## WORK TASK
Every line of the records that holds the word "Facet" should be copied.
===== MATERIAL SHOWN =====
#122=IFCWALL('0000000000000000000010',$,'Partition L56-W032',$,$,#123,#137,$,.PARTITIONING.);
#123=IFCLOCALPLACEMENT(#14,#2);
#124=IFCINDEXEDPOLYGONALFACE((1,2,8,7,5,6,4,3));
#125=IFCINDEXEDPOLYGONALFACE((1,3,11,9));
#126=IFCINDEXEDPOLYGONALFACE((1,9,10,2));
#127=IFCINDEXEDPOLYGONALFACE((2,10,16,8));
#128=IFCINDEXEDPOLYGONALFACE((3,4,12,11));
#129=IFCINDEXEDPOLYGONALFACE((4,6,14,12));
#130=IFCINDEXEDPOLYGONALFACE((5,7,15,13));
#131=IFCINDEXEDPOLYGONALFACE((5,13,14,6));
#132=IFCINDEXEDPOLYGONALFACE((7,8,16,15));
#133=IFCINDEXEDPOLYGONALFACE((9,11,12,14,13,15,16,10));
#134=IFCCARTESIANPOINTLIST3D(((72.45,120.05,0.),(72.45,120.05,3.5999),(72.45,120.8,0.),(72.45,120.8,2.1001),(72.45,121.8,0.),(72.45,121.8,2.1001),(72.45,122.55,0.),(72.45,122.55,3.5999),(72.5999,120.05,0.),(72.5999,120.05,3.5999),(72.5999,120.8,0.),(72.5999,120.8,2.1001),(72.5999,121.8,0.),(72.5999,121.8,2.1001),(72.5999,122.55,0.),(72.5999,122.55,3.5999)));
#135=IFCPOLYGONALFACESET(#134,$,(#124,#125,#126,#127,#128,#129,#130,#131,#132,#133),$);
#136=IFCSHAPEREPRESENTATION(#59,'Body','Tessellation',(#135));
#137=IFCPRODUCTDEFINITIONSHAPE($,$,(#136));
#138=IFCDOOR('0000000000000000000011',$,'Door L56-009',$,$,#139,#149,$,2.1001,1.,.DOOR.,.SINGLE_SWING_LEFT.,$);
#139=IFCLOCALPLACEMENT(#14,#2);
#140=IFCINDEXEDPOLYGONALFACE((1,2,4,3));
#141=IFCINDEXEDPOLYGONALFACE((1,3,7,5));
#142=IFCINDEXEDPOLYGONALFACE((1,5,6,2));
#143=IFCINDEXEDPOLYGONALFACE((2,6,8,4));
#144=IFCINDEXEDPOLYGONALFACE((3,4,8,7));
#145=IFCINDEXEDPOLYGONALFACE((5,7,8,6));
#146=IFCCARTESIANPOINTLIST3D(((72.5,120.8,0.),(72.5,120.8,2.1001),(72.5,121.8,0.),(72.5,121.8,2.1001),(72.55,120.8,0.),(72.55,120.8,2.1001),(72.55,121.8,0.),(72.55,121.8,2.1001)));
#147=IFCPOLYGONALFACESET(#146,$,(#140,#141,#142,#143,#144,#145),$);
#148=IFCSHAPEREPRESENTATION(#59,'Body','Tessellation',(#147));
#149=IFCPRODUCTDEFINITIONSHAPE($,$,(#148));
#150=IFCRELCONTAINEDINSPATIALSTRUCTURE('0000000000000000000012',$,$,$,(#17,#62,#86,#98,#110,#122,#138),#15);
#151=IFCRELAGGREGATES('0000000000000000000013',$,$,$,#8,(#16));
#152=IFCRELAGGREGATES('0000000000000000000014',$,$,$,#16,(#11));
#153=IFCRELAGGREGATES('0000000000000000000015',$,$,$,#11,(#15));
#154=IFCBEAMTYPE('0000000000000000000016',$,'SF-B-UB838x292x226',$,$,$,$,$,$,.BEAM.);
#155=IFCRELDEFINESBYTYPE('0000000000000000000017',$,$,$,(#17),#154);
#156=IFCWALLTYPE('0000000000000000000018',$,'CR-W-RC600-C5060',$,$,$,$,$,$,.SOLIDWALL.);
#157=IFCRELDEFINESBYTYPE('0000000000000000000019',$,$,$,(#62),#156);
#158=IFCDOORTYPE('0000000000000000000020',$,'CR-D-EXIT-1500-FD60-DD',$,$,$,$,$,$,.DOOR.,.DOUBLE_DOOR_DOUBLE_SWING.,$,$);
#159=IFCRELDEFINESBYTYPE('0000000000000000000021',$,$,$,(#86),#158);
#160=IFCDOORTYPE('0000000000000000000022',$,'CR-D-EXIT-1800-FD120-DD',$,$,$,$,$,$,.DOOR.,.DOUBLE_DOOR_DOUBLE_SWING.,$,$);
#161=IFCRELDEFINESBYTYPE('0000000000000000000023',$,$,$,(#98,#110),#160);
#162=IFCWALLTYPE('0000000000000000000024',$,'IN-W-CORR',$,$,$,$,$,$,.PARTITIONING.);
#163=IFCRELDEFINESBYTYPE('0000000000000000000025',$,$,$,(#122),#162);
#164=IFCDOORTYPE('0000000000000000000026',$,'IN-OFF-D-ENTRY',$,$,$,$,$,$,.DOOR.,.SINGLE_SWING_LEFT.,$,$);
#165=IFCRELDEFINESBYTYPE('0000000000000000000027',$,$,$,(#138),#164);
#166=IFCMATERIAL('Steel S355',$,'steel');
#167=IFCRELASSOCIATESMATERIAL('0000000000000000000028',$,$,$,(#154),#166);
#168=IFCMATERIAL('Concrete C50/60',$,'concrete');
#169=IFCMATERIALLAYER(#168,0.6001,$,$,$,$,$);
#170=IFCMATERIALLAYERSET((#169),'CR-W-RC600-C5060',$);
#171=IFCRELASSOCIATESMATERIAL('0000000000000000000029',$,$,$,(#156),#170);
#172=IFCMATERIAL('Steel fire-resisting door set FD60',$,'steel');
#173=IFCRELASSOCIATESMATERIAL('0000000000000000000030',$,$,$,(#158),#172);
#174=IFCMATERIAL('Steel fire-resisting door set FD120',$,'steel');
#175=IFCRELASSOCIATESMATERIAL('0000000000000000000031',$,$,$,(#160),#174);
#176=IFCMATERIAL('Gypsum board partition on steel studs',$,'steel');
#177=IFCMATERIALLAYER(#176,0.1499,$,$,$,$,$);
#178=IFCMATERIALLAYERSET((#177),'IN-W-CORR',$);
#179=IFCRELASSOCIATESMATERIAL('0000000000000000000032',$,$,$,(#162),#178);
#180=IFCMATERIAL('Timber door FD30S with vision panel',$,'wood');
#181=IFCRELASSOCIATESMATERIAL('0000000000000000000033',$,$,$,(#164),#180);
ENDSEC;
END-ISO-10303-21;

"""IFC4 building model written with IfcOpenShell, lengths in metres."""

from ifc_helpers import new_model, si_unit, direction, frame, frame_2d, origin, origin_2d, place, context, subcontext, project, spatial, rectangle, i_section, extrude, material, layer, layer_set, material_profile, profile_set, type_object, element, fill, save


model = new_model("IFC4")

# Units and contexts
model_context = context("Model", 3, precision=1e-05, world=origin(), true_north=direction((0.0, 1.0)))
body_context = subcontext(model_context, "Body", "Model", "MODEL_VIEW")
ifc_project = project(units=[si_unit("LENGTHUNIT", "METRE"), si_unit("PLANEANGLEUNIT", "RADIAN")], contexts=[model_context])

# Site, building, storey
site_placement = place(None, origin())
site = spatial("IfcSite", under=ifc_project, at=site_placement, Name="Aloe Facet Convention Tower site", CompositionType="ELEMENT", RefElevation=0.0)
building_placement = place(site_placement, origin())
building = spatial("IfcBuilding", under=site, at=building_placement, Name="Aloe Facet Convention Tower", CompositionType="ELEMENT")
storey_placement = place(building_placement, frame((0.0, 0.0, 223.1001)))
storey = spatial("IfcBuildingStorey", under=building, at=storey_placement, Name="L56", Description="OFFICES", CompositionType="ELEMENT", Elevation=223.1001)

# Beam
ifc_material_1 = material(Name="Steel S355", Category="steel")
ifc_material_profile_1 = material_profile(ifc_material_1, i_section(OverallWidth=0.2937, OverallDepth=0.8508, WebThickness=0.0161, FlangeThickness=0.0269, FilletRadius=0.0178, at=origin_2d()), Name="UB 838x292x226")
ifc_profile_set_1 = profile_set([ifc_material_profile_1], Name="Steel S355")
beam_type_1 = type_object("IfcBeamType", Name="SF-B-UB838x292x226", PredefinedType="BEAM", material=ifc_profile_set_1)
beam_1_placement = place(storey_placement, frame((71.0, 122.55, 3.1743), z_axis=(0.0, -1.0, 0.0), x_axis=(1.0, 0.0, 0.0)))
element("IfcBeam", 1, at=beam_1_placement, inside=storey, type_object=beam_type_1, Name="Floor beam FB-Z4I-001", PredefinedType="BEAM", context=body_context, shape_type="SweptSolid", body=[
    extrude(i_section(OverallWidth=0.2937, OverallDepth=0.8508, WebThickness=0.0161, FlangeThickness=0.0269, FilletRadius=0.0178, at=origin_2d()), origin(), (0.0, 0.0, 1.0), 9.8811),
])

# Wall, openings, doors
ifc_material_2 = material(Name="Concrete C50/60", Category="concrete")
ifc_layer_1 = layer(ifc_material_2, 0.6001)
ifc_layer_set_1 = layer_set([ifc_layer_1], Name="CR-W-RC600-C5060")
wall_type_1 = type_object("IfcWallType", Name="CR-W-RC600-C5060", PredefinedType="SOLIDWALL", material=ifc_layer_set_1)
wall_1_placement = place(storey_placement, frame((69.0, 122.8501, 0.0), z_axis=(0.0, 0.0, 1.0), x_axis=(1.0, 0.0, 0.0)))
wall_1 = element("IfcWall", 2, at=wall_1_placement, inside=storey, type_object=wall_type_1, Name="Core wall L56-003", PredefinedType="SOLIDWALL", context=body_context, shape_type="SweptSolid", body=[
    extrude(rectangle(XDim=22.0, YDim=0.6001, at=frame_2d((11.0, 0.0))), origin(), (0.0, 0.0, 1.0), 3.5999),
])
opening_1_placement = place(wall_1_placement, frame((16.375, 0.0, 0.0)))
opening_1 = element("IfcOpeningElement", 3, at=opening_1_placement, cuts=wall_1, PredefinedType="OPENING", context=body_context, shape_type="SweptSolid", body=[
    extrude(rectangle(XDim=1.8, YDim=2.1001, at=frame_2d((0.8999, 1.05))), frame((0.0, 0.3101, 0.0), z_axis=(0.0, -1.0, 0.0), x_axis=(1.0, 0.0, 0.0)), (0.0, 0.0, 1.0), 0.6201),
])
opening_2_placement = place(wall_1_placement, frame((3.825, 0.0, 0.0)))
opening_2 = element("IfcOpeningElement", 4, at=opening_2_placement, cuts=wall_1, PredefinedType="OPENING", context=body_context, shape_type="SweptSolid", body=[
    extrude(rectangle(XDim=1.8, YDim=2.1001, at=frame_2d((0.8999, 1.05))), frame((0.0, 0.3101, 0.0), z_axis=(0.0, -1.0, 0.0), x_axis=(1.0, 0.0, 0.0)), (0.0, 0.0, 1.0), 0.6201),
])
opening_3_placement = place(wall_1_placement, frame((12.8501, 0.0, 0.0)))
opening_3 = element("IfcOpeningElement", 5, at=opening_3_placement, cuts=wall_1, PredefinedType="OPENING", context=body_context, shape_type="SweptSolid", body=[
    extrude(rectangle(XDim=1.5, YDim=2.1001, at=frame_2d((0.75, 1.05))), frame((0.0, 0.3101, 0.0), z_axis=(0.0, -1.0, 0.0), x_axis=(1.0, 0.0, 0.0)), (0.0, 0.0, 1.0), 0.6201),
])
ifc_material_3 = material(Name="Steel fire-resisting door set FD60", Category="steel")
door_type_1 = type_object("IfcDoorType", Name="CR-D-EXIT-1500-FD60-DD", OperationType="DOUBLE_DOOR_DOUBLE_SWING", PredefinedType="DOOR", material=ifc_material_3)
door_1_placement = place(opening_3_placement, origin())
=====
## RESPONSE
site = spatial("IfcSite", under=ifc_project, at=site_placement, Name="Aloe Facet Convention Tower site", CompositionType="ELEMENT", RefElevation=0.0)
building = spatial("IfcBuilding", under=site, at=building_placement, Name="Aloe Facet Convention Tower", CompositionType="ELEMENT")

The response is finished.